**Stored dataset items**
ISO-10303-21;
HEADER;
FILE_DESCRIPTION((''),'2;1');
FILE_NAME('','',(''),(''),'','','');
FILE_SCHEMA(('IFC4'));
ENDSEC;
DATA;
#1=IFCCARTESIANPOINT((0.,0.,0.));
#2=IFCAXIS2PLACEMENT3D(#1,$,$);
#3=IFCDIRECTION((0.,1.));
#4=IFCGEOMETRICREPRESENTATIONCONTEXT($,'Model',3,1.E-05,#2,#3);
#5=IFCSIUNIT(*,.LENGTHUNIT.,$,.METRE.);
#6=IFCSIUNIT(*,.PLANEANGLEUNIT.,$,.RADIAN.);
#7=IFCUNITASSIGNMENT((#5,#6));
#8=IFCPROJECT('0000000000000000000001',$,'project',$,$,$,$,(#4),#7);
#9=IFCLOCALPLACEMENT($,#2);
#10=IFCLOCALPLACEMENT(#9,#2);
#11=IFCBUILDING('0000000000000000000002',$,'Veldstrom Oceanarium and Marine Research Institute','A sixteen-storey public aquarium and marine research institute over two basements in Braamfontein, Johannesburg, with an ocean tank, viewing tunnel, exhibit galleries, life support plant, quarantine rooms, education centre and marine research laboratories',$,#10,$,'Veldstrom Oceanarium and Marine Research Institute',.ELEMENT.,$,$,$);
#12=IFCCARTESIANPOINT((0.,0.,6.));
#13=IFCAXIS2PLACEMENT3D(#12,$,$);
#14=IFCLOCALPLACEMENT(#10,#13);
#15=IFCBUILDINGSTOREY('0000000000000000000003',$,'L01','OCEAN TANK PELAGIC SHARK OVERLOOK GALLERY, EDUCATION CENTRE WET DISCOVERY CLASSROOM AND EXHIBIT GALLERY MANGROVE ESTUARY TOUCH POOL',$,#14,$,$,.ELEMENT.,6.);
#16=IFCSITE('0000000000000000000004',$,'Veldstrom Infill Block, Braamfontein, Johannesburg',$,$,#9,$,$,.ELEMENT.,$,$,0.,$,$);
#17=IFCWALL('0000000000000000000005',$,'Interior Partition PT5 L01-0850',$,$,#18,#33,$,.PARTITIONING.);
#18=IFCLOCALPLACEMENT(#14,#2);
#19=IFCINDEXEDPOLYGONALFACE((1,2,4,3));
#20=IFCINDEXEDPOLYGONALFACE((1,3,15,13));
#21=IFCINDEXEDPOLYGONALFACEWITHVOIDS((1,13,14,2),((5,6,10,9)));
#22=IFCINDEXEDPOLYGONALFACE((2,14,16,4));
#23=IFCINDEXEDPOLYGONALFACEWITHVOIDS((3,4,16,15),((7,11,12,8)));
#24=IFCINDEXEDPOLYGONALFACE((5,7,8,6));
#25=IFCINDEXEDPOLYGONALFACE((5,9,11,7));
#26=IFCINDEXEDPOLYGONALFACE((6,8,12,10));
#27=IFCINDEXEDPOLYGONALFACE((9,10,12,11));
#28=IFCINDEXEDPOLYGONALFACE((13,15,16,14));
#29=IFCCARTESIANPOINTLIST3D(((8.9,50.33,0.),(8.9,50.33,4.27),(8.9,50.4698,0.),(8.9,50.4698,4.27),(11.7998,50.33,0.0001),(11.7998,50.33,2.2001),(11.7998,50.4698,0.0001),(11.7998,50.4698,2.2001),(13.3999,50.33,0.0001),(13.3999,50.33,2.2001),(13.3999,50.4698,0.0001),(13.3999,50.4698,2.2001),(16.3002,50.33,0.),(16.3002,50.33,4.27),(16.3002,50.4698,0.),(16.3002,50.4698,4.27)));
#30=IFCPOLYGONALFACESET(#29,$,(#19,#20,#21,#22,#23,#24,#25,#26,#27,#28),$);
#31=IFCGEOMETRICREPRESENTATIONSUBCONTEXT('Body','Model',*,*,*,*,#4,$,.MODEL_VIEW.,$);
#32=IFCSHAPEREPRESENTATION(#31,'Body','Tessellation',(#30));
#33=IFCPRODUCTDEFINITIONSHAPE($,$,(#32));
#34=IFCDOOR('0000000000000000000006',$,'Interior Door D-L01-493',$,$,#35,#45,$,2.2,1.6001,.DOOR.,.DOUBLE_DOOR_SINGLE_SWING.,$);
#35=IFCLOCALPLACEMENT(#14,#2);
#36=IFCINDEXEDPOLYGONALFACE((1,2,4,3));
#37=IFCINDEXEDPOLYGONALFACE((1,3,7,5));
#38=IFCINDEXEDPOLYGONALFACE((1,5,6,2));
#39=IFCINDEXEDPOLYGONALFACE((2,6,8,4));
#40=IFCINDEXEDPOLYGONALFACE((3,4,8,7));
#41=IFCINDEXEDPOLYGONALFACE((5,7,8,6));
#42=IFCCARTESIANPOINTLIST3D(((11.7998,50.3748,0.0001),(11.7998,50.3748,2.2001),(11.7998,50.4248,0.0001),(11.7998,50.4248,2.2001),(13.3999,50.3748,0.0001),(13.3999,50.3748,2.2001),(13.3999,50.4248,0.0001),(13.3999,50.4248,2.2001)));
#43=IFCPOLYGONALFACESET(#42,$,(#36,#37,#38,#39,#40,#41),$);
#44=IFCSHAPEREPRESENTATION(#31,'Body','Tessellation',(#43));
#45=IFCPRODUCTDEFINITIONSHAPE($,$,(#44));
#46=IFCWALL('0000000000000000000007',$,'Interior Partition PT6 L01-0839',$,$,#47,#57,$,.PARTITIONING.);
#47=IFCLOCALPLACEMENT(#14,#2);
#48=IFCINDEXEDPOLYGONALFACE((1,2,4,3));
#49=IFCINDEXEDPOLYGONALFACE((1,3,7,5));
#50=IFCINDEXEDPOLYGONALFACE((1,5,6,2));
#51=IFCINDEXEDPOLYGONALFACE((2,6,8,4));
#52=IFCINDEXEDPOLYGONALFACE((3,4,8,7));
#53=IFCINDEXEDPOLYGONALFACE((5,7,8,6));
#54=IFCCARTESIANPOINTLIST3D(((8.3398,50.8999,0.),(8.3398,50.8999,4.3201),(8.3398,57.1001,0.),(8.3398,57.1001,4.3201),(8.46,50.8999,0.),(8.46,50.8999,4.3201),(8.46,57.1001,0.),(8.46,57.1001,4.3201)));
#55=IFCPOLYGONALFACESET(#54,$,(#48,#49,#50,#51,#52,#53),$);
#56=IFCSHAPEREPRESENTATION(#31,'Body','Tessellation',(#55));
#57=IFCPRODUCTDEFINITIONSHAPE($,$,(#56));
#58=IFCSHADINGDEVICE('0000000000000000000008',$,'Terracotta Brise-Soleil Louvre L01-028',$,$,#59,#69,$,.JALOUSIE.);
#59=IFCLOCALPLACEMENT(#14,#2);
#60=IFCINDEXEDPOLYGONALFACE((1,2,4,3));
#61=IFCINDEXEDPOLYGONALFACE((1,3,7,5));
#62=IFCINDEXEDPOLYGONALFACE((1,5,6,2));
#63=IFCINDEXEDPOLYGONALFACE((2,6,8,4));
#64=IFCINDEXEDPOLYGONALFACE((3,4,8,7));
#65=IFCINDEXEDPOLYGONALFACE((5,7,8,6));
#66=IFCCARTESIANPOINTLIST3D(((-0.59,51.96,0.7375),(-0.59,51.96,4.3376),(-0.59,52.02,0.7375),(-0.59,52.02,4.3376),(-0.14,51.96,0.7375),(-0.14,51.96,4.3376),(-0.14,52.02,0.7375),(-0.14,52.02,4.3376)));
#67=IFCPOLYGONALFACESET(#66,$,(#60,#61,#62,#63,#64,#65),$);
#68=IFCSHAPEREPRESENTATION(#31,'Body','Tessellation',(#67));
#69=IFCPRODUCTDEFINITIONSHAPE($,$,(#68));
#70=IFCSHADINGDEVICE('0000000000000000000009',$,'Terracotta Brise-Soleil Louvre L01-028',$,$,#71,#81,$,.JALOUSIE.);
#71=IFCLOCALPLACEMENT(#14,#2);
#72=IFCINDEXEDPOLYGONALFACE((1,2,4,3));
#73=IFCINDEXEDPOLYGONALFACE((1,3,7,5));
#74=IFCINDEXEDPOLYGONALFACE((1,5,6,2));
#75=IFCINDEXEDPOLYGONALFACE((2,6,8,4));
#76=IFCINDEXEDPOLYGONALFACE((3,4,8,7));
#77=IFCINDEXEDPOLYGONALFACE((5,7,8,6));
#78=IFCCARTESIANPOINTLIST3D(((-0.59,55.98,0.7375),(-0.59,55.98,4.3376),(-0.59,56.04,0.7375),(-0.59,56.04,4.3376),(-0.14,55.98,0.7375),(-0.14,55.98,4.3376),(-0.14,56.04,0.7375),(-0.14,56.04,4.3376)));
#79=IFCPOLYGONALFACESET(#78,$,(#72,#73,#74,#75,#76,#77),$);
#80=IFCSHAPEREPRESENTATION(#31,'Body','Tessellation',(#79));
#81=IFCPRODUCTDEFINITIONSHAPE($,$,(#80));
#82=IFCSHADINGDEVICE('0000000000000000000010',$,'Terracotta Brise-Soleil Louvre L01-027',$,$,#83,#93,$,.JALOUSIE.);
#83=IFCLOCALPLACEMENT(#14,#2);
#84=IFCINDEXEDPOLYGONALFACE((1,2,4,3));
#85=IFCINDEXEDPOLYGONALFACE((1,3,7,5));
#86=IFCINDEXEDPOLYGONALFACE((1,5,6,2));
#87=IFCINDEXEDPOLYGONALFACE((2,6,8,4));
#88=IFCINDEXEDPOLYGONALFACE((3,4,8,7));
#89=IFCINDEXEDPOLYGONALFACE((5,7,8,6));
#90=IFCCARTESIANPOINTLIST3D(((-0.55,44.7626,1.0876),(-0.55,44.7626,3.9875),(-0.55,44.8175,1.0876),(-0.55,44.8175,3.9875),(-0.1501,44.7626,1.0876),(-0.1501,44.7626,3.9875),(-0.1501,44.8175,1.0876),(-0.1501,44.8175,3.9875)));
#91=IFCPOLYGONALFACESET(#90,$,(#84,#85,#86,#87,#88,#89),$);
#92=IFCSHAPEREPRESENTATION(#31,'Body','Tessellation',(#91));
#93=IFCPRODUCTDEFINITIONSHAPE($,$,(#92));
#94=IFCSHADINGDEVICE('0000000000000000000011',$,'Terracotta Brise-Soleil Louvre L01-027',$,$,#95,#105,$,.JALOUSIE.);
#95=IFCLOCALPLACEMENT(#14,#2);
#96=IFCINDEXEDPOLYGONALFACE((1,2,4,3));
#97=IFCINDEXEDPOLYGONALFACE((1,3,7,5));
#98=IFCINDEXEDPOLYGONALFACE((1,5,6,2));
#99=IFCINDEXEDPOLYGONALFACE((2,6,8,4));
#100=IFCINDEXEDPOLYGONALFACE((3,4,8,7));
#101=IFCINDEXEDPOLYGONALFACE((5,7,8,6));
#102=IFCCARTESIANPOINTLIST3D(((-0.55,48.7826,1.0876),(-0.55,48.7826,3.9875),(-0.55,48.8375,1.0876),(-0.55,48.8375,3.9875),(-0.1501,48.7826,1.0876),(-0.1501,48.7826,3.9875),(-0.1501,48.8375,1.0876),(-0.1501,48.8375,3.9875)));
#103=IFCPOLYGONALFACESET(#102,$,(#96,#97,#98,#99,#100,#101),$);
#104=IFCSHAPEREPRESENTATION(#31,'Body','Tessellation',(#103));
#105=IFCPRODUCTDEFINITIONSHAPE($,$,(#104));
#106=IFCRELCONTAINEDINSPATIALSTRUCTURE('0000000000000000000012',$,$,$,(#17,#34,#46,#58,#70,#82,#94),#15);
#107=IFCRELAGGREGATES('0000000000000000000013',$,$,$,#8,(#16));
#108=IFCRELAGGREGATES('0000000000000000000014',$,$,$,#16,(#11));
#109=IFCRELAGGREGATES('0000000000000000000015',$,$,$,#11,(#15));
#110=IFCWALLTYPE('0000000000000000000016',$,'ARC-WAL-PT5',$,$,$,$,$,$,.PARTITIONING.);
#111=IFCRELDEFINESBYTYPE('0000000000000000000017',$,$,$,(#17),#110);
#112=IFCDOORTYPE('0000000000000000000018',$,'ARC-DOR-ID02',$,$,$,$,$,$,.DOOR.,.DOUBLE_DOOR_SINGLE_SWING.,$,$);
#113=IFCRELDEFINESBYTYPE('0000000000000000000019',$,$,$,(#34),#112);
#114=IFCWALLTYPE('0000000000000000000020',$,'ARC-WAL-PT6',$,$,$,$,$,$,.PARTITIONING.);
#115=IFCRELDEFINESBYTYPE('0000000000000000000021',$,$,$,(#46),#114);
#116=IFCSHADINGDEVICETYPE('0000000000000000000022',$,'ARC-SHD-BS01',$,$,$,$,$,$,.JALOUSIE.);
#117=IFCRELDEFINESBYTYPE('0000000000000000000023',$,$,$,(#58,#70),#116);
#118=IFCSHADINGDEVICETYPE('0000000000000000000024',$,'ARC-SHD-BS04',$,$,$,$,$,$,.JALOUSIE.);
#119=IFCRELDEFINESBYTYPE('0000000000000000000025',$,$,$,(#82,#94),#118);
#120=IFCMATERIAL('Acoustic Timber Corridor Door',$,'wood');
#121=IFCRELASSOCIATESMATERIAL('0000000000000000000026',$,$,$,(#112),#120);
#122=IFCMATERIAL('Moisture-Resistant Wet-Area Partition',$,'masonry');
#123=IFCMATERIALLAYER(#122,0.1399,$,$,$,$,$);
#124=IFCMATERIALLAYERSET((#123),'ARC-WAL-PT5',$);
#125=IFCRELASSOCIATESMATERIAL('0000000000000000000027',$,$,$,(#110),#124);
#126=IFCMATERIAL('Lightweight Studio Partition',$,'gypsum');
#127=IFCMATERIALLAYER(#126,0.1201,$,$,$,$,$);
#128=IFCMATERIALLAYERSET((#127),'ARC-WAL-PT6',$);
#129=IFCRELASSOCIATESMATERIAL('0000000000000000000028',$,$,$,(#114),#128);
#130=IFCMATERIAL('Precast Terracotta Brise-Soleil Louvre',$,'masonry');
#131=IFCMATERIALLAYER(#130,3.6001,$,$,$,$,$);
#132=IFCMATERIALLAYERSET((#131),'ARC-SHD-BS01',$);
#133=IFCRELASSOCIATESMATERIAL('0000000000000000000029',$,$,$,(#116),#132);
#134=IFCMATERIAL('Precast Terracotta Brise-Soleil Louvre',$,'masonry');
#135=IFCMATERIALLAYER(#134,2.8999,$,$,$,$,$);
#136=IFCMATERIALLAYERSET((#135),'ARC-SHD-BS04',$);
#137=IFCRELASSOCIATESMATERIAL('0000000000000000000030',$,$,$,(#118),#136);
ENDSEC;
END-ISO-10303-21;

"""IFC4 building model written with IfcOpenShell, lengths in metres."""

from ifc_helpers import new_model, si_unit, direction, frame, frame_2d, origin, origin_2d, place, context, subcontext, project, spatial, rectangle, extrude, material, layer, layer_set, type_object, element, fill, save


model = new_model("IFC4")

# Units and contexts
model_context = context("Model", 3, precision=1e-05, world=origin(), true_north=direction((0.0, 1.0)))
body_context = subcontext(model_context, "Body", "Model", "MODEL_VIEW")
ifc_project = project(units=[si_unit("LENGTHUNIT", "METRE"), si_unit("PLANEANGLEUNIT", "RADIAN")], contexts=[model_context])

# Site, building, storey
site_placement = place(None, origin())
site = spatial("IfcSite", under=ifc_project, at=site_placement, Name="Veldstrom Infill Block, Braamfontein, Johannesburg", CompositionType="ELEMENT", RefElevation=0.0)
building_placement = place(site_placement, origin())
building = spatial("IfcBuilding", under=site, at=building_placement, Name="Veldstrom Oceanarium and Marine Research Institute", Description="A sixteen-storey public aquarium and marine research institute over two basements in Braamfontein, Johannesburg, with an ocean tank, viewing tunnel, exhibit galleries, life support plant, quarantine rooms, education centre and marine research laboratories", LongName="Veldstrom Oceanarium and Marine Research Institute", CompositionType="ELEMENT")
storey_placement = place(building_placement, frame((0.0, 0.0, 6.0)))
storey = spatial("IfcBuildingStorey", under=building, at=storey_placement, Name="L01", Description="OCEAN TANK PELAGIC SHARK OVERLOOK GALLERY, EDUCATION CENTRE WET DISCOVERY CLASSROOM AND EXHIBIT GALLERY MANGROVE ESTUARY TOUCH POOL", CompositionType="ELEMENT", Elevation=6.0)

# Wall, opening, door
ifc_material_1 = material(Name="Acoustic Timber Corridor Door", Category="wood")
door_type_1 = type_object("IfcDoorType", Name="ARC-DOR-ID02", OperationType="DOUBLE_DOOR_SINGLE_SWING", PredefinedType="DOOR", material=ifc_material_1)
ifc_material_2 = material(Name="Moisture-Resistant Wet-Area Partition", Category="masonry")
ifc_layer_1 = layer(ifc_material_2, 0.1399)
ifc_layer_set_1 = layer_set([ifc_layer_1], Name="ARC-WAL-PT5")
wall_type_1 = type_object("IfcWallType", Name="ARC-WAL-PT5", PredefinedType="PARTITIONING", material=ifc_layer_set_1)
wall_1_placement = place(storey_placement, frame((8.8999, 50.3999, 0.0), z_axis=(0.0, 0.0, 1.0), x_axis=(1.0, 0.0, 0.0)))
wall_1 = element("IfcWall", 1, at=wall_1_placement, inside=storey, type_object=wall_type_1, Name="Interior Partition PT5 L01-0850", PredefinedType="PARTITIONING", context=body_context, shape_type="SweptSolid", body=[
    extrude(rectangle(XDim=7.4001, YDim=0.1399, at=frame_2d((3.7002, 0.0))), origin(), (0.0, 0.0, 1.0), 4.27),
])
opening_1_placement = place(wall_1_placement, frame((2.8999, 0.0, 0.0)))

**ACTIVITY**
The lines needed are those in the data above that hold the string "JALOUSIE"; copy each of them.

**RESPONSE BELOW**
#58=IFCSHADINGDEVICE('0000000000000000000008',$,'Terracotta Brise-Soleil Louvre L01-028',$,$,#59,#69,$,.JALOUSIE.);
#70=IFCSHADINGDEVICE('0000000000000000000009',$,'Terracotta Brise-Soleil Louvre L01-028',$,$,#71,#81,$,.JALOUSIE.);
#82=IFCSHADINGDEVICE('0000000000000000000010',$,'Terracotta Brise-Soleil Louvre L01-027',$,$,#83,#93,$,.JALOUSIE.);
#94=IFCSHADINGDEVICE('0000000000000000000011',$,'Terracotta Brise-Soleil Louvre L01-027',$,$,#95,#105,$,.JALOUSIE.);
#116=IFCSHADINGDEVICETYPE('0000000000000000000022',$,'ARC-SHD-BS01',$,$,$,$,$,$,.JALOUSIE.);
#118=IFCSHADINGDEVICETYPE('0000000000000000000024',$,'ARC-SHD-BS04',$,$,$,$,$,$,.JALOUSIE.);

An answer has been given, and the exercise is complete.